Which lines of the data below hold "IFCPRODUCTDEFINITIONSHAPE"? Copy each of them.

• • • • •

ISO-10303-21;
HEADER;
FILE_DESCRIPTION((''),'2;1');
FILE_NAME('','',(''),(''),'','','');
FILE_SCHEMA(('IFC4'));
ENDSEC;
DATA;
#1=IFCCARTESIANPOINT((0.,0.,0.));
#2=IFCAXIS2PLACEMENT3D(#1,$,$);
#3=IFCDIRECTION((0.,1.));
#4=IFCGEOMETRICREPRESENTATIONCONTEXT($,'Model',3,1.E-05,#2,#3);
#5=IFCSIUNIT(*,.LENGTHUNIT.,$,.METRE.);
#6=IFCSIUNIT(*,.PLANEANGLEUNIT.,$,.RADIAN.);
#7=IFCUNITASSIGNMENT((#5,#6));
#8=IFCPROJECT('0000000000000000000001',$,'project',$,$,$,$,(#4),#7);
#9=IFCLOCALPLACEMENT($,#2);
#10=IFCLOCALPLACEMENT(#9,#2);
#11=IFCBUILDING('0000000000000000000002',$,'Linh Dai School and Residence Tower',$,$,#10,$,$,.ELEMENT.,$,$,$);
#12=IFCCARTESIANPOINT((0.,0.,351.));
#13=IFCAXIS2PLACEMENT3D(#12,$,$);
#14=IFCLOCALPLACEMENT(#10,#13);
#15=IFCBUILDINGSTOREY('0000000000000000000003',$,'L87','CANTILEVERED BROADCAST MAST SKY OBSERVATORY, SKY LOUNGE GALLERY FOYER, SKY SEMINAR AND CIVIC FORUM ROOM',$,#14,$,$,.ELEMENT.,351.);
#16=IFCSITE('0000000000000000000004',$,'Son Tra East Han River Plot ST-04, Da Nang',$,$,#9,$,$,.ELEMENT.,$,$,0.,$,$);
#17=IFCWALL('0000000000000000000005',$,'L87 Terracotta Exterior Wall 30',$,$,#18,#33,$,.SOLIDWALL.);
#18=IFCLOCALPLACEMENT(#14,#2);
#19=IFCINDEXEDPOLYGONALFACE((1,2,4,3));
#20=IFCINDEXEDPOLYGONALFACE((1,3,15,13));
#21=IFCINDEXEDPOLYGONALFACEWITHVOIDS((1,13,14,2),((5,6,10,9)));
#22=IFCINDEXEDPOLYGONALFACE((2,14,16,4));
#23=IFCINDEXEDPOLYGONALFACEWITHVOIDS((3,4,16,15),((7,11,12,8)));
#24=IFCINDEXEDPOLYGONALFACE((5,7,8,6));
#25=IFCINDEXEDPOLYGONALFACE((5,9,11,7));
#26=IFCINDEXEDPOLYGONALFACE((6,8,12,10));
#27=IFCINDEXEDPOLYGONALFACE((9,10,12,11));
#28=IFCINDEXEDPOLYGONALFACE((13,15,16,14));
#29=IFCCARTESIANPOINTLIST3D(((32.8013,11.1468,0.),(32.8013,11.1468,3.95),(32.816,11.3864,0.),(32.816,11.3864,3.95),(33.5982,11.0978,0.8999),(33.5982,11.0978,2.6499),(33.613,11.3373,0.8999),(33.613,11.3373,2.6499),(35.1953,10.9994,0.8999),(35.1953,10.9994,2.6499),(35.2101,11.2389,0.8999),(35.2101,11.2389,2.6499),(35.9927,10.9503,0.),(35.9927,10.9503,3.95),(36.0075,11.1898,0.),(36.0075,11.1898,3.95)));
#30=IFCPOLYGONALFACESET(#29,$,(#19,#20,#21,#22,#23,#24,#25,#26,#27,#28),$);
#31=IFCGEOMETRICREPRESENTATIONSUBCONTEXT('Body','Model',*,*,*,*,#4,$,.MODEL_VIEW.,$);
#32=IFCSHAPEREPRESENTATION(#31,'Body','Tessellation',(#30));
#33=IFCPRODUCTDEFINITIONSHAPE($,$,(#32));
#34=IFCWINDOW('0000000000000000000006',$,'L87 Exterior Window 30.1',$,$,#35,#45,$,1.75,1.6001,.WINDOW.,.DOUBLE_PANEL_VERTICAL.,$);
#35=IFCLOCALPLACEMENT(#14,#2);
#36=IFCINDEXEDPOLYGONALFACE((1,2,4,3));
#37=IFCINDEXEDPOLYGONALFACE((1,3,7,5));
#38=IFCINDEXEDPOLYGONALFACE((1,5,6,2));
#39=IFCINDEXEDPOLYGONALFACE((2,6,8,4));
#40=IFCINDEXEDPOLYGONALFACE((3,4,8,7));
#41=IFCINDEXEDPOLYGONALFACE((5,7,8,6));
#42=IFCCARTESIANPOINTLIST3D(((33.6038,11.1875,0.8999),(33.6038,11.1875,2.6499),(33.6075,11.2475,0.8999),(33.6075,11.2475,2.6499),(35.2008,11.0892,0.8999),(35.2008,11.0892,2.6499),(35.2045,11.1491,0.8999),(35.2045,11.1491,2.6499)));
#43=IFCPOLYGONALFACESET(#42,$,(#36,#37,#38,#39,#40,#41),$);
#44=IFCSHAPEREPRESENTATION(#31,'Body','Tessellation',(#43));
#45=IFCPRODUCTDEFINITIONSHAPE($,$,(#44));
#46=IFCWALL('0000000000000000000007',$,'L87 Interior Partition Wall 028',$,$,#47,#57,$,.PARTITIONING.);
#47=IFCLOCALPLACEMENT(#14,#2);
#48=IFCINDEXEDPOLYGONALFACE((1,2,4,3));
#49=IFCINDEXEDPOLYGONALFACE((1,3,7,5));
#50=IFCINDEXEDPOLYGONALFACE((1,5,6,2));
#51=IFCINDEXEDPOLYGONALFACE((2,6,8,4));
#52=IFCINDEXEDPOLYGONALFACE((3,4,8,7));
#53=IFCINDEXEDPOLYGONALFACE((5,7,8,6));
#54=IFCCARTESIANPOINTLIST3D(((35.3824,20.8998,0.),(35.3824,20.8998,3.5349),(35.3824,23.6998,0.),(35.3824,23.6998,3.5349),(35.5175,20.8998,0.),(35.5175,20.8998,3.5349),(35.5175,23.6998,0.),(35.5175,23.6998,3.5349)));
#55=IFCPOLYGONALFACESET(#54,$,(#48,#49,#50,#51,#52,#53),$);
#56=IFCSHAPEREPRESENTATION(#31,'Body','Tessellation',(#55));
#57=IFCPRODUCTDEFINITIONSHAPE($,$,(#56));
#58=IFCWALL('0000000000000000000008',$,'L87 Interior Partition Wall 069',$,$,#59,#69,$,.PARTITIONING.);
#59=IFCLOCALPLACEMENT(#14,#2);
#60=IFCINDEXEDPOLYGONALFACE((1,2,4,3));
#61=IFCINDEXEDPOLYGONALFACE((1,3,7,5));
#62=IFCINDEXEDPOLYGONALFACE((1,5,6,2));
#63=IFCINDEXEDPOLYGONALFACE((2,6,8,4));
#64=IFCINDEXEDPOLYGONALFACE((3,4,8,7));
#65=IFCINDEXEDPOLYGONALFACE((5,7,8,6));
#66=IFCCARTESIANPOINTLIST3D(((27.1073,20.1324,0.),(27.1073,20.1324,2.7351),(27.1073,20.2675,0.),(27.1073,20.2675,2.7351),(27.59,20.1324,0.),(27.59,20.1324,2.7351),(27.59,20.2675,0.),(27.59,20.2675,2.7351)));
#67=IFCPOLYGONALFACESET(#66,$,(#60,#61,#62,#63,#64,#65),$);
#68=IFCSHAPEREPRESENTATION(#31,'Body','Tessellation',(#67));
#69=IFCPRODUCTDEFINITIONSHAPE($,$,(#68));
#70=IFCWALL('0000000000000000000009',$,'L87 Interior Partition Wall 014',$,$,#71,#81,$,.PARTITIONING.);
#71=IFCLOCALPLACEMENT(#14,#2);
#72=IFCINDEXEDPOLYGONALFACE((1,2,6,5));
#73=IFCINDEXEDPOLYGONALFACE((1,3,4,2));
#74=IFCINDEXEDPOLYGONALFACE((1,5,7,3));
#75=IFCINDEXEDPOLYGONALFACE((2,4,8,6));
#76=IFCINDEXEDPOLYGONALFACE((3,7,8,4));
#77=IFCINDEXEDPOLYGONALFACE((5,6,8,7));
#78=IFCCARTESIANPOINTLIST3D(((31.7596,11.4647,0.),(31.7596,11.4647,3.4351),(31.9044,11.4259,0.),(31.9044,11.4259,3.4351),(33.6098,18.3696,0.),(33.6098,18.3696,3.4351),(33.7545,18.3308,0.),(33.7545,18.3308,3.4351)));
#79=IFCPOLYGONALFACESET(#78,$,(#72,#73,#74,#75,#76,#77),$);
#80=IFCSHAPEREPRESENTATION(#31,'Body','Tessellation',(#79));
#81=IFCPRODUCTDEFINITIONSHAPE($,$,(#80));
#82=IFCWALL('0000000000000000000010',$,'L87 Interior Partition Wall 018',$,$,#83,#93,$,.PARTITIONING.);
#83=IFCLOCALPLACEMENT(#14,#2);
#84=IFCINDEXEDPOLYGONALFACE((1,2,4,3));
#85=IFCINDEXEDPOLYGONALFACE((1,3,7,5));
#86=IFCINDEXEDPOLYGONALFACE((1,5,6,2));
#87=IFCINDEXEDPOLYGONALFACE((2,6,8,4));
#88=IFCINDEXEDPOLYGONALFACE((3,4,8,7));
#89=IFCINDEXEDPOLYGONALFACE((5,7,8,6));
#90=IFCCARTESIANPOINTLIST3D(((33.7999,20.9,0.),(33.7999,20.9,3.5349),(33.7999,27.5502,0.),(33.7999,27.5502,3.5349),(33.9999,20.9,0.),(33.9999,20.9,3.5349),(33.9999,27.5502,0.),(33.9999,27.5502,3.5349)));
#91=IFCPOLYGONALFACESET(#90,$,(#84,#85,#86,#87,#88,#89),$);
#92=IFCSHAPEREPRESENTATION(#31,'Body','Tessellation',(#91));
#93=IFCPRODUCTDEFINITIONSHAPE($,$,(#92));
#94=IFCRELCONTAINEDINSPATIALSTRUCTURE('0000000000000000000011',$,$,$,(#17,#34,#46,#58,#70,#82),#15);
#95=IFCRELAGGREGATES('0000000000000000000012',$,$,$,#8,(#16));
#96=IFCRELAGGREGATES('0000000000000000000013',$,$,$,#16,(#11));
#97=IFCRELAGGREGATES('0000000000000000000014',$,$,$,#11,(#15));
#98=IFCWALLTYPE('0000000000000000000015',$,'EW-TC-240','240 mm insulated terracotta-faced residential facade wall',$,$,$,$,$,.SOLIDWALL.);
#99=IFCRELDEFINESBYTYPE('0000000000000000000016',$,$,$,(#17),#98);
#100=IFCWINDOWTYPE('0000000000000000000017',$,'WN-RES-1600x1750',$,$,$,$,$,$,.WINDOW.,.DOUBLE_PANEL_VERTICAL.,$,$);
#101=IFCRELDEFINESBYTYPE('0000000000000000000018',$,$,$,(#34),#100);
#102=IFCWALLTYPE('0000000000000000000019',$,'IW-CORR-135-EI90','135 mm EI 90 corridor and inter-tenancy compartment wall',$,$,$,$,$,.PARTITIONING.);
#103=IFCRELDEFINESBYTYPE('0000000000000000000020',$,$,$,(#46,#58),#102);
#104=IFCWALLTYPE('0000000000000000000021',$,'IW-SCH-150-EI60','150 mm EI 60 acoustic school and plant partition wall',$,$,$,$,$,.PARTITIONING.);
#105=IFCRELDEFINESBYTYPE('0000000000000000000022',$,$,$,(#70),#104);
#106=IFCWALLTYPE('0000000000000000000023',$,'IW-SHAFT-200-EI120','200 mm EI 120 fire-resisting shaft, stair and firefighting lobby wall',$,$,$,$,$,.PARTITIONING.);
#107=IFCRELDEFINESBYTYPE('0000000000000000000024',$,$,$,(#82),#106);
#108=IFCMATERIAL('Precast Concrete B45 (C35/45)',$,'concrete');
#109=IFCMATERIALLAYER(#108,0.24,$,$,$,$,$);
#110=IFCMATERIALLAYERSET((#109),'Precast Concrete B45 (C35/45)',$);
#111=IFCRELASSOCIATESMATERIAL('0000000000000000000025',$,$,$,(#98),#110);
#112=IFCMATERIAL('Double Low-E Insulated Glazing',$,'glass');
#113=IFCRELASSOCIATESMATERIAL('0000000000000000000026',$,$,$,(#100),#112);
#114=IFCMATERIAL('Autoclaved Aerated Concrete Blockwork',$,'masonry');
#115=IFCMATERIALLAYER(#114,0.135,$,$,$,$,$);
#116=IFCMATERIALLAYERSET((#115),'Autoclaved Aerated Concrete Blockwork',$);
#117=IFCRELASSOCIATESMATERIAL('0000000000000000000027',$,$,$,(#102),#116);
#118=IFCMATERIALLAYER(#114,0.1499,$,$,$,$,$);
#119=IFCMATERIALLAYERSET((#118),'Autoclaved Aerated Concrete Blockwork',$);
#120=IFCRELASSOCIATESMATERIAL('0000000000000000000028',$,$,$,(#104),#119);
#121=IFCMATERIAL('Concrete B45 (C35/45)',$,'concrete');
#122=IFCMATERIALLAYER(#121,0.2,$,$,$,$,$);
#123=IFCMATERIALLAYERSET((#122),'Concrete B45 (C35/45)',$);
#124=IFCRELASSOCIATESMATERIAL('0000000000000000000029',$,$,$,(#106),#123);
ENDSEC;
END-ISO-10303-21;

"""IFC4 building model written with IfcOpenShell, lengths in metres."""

from ifc_helpers import new_model, si_unit, direction, frame, frame_2d, origin, origin_2d, place, context, subcontext, project, spatial, rectangle, extrude, source, transform, mapped, material, layer, layer_set, type_object, element, fill, save


model = new_model("IFC4")

# Units and contexts
model_context = context("Model", 3, precision=1e-05, world=origin(), true_north=direction((0.0, 1.0)))
body_context = subcontext(model_context, "Body", "Model", "MODEL_VIEW")
ifc_project = project(units=[si_unit("LENGTHUNIT", "METRE"), si_unit("PLANEANGLEUNIT", "RADIAN")], contexts=[model_context])

# Site, building, storey
site_placement = place(None, origin())
site = spatial("IfcSite", under=ifc_project, at=site_placement, Name="Son Tra East Han River Plot ST-04, Da Nang", CompositionType="ELEMENT", RefElevation=0.0)
building_placement = place(site_placement, origin())
building = spatial("IfcBuilding", under=site, at=building_placement, Name="Linh Dai School and Residence Tower", CompositionType="ELEMENT")
storey_placement = place(building_placement, frame((0.0, 0.0, 351.0)))
storey = spatial("IfcBuildingStorey", under=building, at=storey_placement, Name="L87", Description="CANTILEVERED BROADCAST MAST SKY OBSERVATORY, SKY LOUNGE GALLERY FOYER, SKY SEMINAR AND CIVIC FORUM ROOM", CompositionType="ELEMENT", Elevation=351.0)

# Shared definitions
ifc_material_1 = material(Name="Concrete B45 (C35/45)", Category="concrete")

# Shared definitions
ifc_material_2 = material(Name="Double Low-E Insulated Glazing", Category="glass")

# Shared definitions
ifc_material_3 = material(Name="Precast Concrete B45 (C35/45)", Category="concrete")
ifc_layer_1 = layer(ifc_material_3, 0.24)
ifc_layer_set_1 = layer_set([ifc_layer_1], Name="Precast Concrete B45 (C35/45)")
wall_type_1 = type_object("IfcWallType", Name="EW-TC-240", Description="240 mm insulated terracotta-faced residential facade wall", PredefinedType="SOLIDWALL", material=ifc_layer_set_1)
window_type = type_object("IfcWindowType", Name="WN-RES-1600x1750", PartitioningType="DOUBLE_PANEL_VERTICAL", PredefinedType="WINDOW", material=ifc_material_2)
shared_shape_1 = source(origin(), body_context, "Body", "SweptSolid", [
    extrude(rectangle(XDim=1.6001, YDim=1.75, at=origin_2d()), frame((0.8, 0.03, 0.875), z_axis=(0.0, -1.0, 0.0), x_axis=(1.0, 0.0, 0.0)), (0.0, 0.0, 1.0), 0.0601),
])

# Wall, opening, window
wall_1_placement = place(storey_placement, frame((36.0, 11.0701, 0.0), z_axis=(0.0, 0.0, 1.0), x_axis=(-0.998109, 0.061466, 0.0)))
wall_1 = element("IfcWall", 1, at=wall_1_placement, inside=storey, type_object=wall_type_1, Name="L87 Terracotta Exterior Wall 30", PredefinedType="SOLIDWALL", context=body_context, shape_type="SweptSolid", body=[
    extrude(rectangle(XDim=3.1975, YDim=0.24, at=frame_2d((1.5986, 0.0))), origin(), (0.0, 0.0, 1.0), 3.95),
])
opening_1_placement = place(wall_1_placement, frame((0.7988, 0.0, 0.8999)))
opening_1 = element("IfcOpeningElement", 2, at=opening_1_placement, cuts=wall_1, PredefinedType="OPENING", context=body_context, shape_type="SweptSolid", body=[
    extrude(rectangle(XDim=1.6001, YDim=1.75, at=origin_2d()), frame((0.8, 0.1299, 0.875), z_axis=(0.0, -1.0, 0.0), x_axis=(1.0, 0.0, 0.0)), (0.0, 0.0, 1.0), 0.26),
])
window_1_placement = place(opening_1_placement, origin())
window_1 = element("IfcWindow", 3, at=window_1_placement, inside=storey, type_object=window_type, Name="L87 Exterior Window 30.1", OverallHeight=1.75, OverallWidth=1.6001, PartitioningType="DOUBLE_PANEL_VERTICAL", PredefinedType="WINDOW", context=body_context, shape_type="MappedRepresentation", body=[
    mapped(shared_shape_1, transform((0.0, 0.0, 0.0), x_axis=(1.0, 0.0, 0.0), y_axis=(0.0, 1.0, 0.0), z_axis=(0.0, 0.0, 1.0), scale=1.0)),
])
fill(opening_1, window_1)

• • • • •

* Answer box
#33=IFCPRODUCTDEFINITIONSHAPE($,$,(#32));
#45=IFCPRODUCTDEFINITIONSHAPE($,$,(#44));
#57=IFCPRODUCTDEFINITIONSHAPE($,$,(#56));
#69=IFCPRODUCTDEFINITIONSHAPE($,$,(#68));
#81=IFCPRODUCTDEFINITIONSHAPE($,$,(#80));
#93=IFCPRODUCTDEFINITIONSHAPE($,$,(#92));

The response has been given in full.